Pull out of the data below the stretch of lines bounded by the one containing "#130=IFCINDEXEDPOLYGONALFACE((1,5,6,2));" and the one containing "#138=IFCLOCALPLACEMENT(#14,#2);", both bounds included, unchanged.

*** Provided entries ***

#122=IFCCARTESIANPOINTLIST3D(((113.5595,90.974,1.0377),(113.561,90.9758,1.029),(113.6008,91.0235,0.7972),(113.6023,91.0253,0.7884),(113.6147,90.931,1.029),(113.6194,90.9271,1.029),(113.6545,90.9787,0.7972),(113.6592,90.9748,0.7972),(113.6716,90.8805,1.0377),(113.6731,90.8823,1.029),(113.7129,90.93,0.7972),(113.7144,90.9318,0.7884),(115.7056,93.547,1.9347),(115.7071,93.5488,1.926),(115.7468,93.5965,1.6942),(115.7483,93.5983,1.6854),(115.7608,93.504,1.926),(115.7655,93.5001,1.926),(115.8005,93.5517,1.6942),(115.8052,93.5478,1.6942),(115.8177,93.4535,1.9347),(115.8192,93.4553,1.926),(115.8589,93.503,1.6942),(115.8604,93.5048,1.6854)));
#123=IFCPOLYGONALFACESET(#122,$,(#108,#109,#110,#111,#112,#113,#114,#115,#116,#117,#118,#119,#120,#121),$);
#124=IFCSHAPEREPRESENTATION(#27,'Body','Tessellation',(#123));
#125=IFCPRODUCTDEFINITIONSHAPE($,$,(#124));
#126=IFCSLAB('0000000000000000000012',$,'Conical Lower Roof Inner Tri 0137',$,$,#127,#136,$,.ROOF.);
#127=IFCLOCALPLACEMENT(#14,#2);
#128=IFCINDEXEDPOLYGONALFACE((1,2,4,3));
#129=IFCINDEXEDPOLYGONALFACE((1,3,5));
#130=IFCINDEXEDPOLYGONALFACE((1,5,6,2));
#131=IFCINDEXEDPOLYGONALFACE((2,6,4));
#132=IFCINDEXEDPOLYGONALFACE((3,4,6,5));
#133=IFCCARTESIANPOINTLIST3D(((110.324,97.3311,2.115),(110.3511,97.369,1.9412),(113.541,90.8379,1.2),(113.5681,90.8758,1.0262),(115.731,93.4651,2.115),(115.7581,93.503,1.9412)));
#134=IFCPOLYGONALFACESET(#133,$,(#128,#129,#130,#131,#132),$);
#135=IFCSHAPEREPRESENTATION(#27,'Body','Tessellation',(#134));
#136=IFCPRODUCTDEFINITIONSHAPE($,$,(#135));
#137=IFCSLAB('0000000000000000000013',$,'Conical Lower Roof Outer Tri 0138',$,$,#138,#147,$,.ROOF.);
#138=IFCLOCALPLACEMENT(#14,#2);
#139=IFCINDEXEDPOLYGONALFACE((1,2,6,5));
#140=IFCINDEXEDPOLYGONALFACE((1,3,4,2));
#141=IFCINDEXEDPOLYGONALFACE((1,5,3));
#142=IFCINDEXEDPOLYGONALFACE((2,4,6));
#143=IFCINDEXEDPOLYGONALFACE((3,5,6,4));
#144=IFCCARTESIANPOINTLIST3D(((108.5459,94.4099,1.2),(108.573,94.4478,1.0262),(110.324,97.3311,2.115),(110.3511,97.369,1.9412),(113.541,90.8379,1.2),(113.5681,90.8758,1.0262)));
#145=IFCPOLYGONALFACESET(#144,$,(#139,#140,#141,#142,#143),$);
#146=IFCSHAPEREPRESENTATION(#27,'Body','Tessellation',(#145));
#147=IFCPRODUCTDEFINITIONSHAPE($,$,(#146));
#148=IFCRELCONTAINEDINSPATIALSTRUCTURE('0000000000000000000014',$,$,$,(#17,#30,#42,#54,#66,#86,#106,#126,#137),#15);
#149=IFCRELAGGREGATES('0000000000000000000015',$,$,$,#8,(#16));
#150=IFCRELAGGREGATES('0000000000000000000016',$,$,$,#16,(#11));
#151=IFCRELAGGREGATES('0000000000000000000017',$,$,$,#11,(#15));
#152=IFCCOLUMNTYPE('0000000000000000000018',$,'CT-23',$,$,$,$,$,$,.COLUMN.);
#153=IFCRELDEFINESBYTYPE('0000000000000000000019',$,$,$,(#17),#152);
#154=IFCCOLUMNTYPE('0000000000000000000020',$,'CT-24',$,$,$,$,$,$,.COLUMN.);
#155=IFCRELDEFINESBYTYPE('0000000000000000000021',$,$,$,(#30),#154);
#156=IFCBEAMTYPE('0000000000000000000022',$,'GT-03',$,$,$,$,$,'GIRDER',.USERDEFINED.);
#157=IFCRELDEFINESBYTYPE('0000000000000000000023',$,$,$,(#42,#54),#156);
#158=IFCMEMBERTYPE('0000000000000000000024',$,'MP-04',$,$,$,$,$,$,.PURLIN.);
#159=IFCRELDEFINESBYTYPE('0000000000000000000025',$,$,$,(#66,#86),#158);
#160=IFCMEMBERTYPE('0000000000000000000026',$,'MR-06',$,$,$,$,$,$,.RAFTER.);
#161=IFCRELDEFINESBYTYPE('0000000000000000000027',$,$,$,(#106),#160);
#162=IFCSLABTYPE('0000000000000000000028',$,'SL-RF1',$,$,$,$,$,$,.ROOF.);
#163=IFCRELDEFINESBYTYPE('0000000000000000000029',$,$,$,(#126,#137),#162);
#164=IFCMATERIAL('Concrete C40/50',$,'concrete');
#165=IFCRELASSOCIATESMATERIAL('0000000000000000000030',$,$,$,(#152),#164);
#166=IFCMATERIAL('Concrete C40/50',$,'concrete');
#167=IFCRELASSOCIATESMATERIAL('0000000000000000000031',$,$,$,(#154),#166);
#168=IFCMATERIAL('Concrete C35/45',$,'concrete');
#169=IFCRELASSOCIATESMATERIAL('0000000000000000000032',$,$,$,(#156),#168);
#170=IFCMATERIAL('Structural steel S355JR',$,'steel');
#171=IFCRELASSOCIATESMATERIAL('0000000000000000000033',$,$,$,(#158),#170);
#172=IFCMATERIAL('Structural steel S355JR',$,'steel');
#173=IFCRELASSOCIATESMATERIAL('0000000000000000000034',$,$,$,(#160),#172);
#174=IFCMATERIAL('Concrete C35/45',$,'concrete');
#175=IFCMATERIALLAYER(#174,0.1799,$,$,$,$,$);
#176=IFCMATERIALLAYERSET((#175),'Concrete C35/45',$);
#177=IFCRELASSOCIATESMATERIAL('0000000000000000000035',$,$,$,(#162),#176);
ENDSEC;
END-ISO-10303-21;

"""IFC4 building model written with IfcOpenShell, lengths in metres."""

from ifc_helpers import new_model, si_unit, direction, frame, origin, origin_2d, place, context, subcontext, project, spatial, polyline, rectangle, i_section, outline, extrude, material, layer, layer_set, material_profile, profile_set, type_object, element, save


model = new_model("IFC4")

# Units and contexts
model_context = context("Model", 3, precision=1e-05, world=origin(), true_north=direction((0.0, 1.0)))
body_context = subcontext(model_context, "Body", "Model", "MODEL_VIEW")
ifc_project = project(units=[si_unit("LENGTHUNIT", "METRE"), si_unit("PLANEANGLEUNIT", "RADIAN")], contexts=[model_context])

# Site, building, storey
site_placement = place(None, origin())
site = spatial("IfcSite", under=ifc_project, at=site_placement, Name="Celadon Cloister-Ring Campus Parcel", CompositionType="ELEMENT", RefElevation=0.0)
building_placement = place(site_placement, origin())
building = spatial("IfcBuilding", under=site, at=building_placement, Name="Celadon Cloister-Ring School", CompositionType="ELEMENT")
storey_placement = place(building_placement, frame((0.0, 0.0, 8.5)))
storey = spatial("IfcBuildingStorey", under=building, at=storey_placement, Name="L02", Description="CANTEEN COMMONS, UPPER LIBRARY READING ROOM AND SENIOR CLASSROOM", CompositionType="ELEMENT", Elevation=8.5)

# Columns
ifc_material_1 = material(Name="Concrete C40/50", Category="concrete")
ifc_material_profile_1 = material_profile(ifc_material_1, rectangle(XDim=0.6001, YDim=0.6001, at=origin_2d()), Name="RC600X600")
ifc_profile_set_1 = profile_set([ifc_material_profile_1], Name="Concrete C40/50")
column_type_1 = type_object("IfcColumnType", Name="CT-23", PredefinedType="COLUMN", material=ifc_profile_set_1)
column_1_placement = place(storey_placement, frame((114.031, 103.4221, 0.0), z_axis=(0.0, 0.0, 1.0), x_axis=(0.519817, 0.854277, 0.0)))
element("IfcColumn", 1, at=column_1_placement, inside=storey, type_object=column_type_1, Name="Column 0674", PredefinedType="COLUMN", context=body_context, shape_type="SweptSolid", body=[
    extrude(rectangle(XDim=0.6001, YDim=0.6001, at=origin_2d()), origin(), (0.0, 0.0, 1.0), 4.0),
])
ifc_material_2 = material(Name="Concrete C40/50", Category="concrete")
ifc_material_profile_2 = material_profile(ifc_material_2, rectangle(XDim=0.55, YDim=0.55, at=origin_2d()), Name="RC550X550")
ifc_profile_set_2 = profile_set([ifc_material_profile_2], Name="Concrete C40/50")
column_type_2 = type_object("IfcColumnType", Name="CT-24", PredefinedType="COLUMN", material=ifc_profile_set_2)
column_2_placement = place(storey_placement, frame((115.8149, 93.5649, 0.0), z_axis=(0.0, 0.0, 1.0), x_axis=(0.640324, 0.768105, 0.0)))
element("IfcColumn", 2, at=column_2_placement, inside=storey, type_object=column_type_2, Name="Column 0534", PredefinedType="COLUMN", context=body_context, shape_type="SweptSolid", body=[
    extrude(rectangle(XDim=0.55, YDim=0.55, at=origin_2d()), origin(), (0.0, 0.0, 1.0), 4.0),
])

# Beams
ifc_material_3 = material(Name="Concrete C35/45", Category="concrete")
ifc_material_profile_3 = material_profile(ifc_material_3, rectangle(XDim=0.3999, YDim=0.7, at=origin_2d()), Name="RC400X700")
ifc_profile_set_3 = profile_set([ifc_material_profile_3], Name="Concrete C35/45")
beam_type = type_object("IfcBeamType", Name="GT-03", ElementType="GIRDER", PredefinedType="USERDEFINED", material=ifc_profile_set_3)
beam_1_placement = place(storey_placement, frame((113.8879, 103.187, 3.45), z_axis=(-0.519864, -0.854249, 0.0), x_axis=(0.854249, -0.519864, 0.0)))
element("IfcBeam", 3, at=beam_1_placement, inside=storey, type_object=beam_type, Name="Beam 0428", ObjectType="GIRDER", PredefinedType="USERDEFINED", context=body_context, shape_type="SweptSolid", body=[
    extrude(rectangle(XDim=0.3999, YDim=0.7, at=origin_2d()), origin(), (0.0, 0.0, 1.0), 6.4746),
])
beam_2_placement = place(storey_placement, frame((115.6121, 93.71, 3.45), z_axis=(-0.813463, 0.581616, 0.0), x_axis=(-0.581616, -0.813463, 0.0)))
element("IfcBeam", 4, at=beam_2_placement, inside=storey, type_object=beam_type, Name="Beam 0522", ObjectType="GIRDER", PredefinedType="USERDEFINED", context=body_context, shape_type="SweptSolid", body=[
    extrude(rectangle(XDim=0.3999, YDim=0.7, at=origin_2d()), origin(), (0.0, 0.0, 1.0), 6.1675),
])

*** End of Provided entries ***
*** Provided entries ***

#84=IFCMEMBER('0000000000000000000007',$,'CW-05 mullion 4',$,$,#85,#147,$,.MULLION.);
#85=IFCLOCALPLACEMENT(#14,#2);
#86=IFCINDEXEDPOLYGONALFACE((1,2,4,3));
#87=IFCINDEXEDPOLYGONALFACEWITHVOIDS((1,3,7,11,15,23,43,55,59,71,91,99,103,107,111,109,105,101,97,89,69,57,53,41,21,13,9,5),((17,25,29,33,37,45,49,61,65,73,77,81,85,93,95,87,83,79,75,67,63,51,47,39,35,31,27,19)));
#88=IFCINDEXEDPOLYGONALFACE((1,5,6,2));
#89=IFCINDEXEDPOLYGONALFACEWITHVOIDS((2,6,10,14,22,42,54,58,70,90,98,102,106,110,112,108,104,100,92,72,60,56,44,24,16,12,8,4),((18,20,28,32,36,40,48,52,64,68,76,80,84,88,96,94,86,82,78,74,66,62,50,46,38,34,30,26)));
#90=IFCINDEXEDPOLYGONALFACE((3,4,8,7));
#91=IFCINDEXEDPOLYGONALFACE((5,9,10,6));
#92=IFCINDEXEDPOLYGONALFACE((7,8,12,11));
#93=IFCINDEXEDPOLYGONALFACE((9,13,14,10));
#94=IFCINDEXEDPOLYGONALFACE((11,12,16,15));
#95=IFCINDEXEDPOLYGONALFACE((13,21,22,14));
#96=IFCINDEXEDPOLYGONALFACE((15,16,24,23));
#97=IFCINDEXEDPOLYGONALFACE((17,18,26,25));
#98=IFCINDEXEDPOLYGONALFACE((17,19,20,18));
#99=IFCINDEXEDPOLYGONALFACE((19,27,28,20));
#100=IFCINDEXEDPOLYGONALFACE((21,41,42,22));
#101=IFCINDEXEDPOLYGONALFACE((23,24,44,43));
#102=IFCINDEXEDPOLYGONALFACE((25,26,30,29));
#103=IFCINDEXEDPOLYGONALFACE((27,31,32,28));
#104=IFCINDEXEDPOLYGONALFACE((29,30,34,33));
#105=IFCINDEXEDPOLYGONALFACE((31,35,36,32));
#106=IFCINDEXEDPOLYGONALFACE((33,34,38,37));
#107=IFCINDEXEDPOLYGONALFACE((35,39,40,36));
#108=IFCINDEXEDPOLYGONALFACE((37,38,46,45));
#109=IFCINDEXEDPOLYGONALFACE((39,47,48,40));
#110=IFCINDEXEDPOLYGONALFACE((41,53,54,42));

*** End of Provided entries ***
*** Provided entries ***

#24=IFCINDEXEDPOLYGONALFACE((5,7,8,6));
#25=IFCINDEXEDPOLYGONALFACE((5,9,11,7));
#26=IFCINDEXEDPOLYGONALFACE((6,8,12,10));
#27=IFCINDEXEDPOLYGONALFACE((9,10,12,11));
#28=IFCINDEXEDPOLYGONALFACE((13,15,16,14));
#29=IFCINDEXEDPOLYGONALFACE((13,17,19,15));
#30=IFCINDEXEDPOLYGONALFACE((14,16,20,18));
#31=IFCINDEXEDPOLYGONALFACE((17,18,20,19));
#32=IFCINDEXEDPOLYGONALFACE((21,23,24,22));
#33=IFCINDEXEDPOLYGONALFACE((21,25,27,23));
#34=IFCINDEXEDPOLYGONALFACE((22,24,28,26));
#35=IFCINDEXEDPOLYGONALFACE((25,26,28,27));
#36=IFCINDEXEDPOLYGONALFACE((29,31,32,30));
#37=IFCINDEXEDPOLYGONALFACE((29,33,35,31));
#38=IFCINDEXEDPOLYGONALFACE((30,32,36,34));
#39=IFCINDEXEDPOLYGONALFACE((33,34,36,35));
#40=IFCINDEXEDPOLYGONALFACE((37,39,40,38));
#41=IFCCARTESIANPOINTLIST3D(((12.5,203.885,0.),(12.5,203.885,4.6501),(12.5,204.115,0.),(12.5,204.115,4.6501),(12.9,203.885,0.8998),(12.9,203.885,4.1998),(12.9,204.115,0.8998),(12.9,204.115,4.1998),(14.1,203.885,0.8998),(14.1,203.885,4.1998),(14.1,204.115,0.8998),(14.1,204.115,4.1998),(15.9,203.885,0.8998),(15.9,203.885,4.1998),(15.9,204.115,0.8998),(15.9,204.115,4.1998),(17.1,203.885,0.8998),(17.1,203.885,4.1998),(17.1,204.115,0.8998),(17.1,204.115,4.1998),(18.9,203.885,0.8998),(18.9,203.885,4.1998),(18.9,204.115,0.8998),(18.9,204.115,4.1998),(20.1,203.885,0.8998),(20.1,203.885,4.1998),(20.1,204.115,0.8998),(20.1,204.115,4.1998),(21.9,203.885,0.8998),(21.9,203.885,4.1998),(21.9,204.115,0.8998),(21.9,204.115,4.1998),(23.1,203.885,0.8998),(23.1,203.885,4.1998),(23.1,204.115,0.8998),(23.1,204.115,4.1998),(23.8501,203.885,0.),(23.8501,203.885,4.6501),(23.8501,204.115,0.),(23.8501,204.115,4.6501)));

*** End of Provided entries ***

Result below
#130=IFCINDEXEDPOLYGONALFACE((1,5,6,2));
#131=IFCINDEXEDPOLYGONALFACE((2,6,4));
#132=IFCINDEXEDPOLYGONALFACE((3,4,6,5));
#133=IFCCARTESIANPOINTLIST3D(((110.324,97.3311,2.115),(110.3511,97.369,1.9412),(113.541,90.8379,1.2),(113.5681,90.8758,1.0262),(115.731,93.4651,2.115),(115.7581,93.503,1.9412)));
#134=IFCPOLYGONALFACESET(#133,$,(#128,#129,#130,#131,#132),$);
#135=IFCSHAPEREPRESENTATION(#27,'Body','Tessellation',(#134));
#136=IFCPRODUCTDEFINITIONSHAPE($,$,(#135));
#137=IFCSLAB('0000000000000000000013',$,'Conical Lower Roof Outer Tri 0138',$,$,#138,#147,$,.ROOF.);
#138=IFCLOCALPLACEMENT(#14,#2);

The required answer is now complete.